## Your assignment
Among the entries below, how many lines include "IFCPRODUCTDEFINITIONSHAPE"? Answer with the number only.

[Saved entries]
[Start of Attachment]

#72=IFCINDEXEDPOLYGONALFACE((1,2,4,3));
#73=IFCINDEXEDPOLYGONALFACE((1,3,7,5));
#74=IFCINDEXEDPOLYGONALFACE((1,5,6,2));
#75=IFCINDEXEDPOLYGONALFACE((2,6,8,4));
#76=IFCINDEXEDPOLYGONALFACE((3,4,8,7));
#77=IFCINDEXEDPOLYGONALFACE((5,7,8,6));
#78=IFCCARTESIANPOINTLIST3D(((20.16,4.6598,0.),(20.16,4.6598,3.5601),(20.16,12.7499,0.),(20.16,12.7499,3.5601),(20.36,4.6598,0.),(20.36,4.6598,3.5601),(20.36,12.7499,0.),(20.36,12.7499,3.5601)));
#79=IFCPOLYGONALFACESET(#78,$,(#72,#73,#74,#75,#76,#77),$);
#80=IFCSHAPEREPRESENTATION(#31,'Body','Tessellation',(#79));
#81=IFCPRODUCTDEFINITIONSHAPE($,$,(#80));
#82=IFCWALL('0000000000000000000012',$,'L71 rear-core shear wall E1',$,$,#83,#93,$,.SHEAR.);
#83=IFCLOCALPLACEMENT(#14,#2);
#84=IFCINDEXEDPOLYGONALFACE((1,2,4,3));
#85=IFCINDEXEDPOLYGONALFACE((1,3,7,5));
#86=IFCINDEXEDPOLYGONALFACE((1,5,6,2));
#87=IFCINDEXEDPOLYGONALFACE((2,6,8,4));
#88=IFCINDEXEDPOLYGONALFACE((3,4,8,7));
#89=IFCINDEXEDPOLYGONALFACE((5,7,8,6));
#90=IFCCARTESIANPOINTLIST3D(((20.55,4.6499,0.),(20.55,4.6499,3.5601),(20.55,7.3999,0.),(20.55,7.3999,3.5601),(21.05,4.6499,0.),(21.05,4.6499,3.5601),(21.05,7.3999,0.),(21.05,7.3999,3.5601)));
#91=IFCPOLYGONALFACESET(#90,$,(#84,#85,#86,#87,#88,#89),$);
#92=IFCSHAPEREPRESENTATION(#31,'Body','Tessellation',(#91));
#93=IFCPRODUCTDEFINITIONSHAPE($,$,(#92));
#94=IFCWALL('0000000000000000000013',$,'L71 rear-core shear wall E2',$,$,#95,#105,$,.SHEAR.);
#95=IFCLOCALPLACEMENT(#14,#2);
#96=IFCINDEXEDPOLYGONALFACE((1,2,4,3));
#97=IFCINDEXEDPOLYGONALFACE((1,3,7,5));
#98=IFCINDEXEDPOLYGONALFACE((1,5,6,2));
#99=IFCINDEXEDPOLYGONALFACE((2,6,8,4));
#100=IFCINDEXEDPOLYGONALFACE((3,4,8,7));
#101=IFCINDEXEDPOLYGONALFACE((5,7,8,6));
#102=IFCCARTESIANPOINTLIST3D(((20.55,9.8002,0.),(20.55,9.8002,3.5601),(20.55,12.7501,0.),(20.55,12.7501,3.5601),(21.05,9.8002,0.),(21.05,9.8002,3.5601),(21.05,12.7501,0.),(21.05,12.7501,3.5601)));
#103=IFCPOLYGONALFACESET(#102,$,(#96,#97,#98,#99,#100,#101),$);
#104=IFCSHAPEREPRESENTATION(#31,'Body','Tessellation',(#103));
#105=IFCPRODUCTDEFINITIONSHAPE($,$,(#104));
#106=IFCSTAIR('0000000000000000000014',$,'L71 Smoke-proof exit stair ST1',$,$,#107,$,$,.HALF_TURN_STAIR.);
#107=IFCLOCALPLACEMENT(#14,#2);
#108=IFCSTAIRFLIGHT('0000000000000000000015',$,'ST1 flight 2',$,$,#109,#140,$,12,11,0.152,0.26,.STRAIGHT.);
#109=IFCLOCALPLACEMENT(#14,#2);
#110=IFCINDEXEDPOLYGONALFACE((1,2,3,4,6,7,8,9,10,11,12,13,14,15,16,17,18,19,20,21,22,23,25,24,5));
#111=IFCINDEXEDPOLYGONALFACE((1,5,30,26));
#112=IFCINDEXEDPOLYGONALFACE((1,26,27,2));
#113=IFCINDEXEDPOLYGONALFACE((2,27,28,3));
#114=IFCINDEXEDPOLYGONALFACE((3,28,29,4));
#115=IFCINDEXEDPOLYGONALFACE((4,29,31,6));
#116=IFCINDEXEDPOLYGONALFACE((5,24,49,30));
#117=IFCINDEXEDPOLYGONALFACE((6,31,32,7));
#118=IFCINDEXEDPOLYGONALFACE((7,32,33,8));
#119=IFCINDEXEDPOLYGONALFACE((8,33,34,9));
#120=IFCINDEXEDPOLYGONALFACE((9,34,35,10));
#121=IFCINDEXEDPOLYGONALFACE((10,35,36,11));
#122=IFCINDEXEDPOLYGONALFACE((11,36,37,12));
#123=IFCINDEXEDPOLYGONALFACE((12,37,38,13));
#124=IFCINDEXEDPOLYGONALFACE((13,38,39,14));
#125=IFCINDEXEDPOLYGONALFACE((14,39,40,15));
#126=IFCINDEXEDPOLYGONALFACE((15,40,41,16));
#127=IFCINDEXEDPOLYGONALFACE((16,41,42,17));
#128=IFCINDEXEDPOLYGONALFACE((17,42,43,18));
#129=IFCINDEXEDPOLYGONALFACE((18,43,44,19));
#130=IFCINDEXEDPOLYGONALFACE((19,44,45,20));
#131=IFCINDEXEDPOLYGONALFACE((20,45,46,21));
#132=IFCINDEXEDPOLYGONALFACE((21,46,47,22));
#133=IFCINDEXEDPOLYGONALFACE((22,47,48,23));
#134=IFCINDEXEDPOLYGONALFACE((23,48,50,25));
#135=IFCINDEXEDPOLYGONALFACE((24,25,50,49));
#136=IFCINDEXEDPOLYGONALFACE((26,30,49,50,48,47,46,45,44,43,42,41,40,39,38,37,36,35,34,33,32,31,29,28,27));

[End of Attachment]

## Worked solution
3